#### WHAT TO WORK ON
Where does the string "IFCPRODUCTDEFINITIONSHAPE" appear in the listing below? Copy every line where it does.

#### WORKING DATA
_ _ _ _ _

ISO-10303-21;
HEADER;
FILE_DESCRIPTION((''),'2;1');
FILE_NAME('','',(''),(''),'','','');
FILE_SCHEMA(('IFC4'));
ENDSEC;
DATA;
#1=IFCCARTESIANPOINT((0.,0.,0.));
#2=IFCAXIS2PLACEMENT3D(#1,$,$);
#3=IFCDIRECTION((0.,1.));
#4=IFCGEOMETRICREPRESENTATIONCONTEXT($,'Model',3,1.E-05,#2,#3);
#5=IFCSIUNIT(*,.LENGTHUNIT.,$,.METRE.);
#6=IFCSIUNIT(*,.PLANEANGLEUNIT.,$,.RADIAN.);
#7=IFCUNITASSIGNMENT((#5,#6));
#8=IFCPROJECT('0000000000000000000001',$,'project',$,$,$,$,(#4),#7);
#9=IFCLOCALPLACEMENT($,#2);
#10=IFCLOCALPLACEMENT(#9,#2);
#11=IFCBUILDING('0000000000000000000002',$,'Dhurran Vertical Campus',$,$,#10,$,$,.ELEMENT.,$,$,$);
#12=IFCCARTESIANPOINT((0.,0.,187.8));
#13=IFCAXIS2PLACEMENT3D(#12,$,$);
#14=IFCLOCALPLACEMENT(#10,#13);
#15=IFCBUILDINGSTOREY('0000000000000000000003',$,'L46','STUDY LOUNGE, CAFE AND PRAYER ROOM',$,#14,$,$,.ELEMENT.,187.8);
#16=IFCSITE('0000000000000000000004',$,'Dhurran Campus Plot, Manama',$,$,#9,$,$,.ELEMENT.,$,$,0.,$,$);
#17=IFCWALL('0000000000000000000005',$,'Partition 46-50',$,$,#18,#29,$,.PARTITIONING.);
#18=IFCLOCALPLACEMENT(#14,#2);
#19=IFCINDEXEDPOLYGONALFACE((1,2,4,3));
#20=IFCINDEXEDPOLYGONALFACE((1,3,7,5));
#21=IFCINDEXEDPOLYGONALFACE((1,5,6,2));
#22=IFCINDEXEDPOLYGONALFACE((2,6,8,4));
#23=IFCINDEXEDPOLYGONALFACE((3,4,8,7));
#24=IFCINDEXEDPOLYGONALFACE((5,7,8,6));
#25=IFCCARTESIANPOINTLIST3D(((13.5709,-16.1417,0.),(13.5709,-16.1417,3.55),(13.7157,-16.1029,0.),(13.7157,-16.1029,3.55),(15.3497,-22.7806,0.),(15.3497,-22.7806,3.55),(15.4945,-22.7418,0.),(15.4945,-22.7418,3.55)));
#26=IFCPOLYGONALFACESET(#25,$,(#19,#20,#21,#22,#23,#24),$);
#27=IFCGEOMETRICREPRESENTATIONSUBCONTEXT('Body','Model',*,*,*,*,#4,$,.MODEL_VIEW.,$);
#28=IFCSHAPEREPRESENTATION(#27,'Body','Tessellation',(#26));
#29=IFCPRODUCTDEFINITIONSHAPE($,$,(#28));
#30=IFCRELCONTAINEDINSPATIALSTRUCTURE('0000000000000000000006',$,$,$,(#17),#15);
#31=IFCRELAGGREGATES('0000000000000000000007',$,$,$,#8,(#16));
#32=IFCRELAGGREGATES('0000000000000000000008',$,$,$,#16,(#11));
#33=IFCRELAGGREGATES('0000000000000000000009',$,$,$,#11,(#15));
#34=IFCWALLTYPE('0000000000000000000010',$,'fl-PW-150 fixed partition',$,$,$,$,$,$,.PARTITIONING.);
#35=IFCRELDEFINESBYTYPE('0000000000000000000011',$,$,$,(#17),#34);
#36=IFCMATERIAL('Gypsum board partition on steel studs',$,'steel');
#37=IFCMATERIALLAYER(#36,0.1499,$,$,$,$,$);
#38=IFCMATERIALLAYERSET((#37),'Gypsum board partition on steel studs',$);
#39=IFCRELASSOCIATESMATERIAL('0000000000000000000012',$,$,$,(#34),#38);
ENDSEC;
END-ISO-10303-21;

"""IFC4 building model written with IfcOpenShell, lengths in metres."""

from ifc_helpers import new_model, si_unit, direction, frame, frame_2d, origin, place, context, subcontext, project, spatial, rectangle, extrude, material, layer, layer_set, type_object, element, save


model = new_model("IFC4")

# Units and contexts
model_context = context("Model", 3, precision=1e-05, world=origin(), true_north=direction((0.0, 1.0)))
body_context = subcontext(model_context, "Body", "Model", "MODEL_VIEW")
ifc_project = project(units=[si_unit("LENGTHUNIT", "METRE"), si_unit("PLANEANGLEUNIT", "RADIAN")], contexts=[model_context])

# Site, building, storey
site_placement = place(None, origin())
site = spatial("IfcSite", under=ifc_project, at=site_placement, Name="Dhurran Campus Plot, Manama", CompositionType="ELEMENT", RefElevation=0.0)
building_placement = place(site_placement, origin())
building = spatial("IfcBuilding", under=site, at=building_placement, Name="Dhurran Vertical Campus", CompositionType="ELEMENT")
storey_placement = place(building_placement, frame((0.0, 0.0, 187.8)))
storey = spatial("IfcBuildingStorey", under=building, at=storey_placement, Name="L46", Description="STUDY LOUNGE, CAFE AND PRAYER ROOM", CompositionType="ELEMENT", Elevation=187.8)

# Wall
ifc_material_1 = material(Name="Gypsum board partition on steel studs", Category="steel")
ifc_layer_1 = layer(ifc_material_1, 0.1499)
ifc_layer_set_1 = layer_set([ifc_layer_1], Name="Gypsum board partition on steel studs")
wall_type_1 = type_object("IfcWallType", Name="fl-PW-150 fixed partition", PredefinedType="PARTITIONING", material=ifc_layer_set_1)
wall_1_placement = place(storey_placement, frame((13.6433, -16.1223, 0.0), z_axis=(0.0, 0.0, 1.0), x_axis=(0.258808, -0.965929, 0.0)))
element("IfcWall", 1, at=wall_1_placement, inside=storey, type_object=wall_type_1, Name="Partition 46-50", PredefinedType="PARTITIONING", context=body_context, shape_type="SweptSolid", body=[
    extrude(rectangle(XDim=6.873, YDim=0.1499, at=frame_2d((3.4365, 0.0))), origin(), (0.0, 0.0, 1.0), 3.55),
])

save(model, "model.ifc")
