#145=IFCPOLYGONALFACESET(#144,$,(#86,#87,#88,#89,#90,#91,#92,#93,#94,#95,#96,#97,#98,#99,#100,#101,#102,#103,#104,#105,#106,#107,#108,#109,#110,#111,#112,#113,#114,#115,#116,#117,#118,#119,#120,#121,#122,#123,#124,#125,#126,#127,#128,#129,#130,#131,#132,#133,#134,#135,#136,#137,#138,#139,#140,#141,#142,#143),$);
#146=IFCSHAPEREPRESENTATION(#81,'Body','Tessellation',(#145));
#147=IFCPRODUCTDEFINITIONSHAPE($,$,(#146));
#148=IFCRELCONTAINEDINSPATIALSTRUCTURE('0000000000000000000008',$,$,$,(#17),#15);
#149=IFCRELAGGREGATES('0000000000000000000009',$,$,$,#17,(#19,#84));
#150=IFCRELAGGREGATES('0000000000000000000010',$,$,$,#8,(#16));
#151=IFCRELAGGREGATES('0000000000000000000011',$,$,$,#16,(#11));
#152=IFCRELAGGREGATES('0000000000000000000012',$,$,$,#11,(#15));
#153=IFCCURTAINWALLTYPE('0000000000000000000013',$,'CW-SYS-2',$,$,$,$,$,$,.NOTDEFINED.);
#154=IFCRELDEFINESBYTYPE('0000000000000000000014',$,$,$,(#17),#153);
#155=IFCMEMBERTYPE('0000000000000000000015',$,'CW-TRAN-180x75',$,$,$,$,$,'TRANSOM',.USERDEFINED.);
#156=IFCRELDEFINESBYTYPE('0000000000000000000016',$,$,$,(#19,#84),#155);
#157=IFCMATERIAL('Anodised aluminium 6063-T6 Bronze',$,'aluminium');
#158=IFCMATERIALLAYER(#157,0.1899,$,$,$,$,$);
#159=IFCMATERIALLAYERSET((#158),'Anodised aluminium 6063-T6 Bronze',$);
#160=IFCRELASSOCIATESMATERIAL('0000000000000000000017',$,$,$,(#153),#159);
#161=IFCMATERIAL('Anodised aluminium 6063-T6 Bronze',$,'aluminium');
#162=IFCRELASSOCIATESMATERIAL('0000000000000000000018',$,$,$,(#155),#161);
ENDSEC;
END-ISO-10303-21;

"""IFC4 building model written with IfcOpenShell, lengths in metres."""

_ _ _ _ _

#### RESULT OF THIS TASK
#29=IFCPRODUCTDEFINITIONSHAPE($,$,(#28));
#147=IFCPRODUCTDEFINITIONSHAPE($,$,(#146));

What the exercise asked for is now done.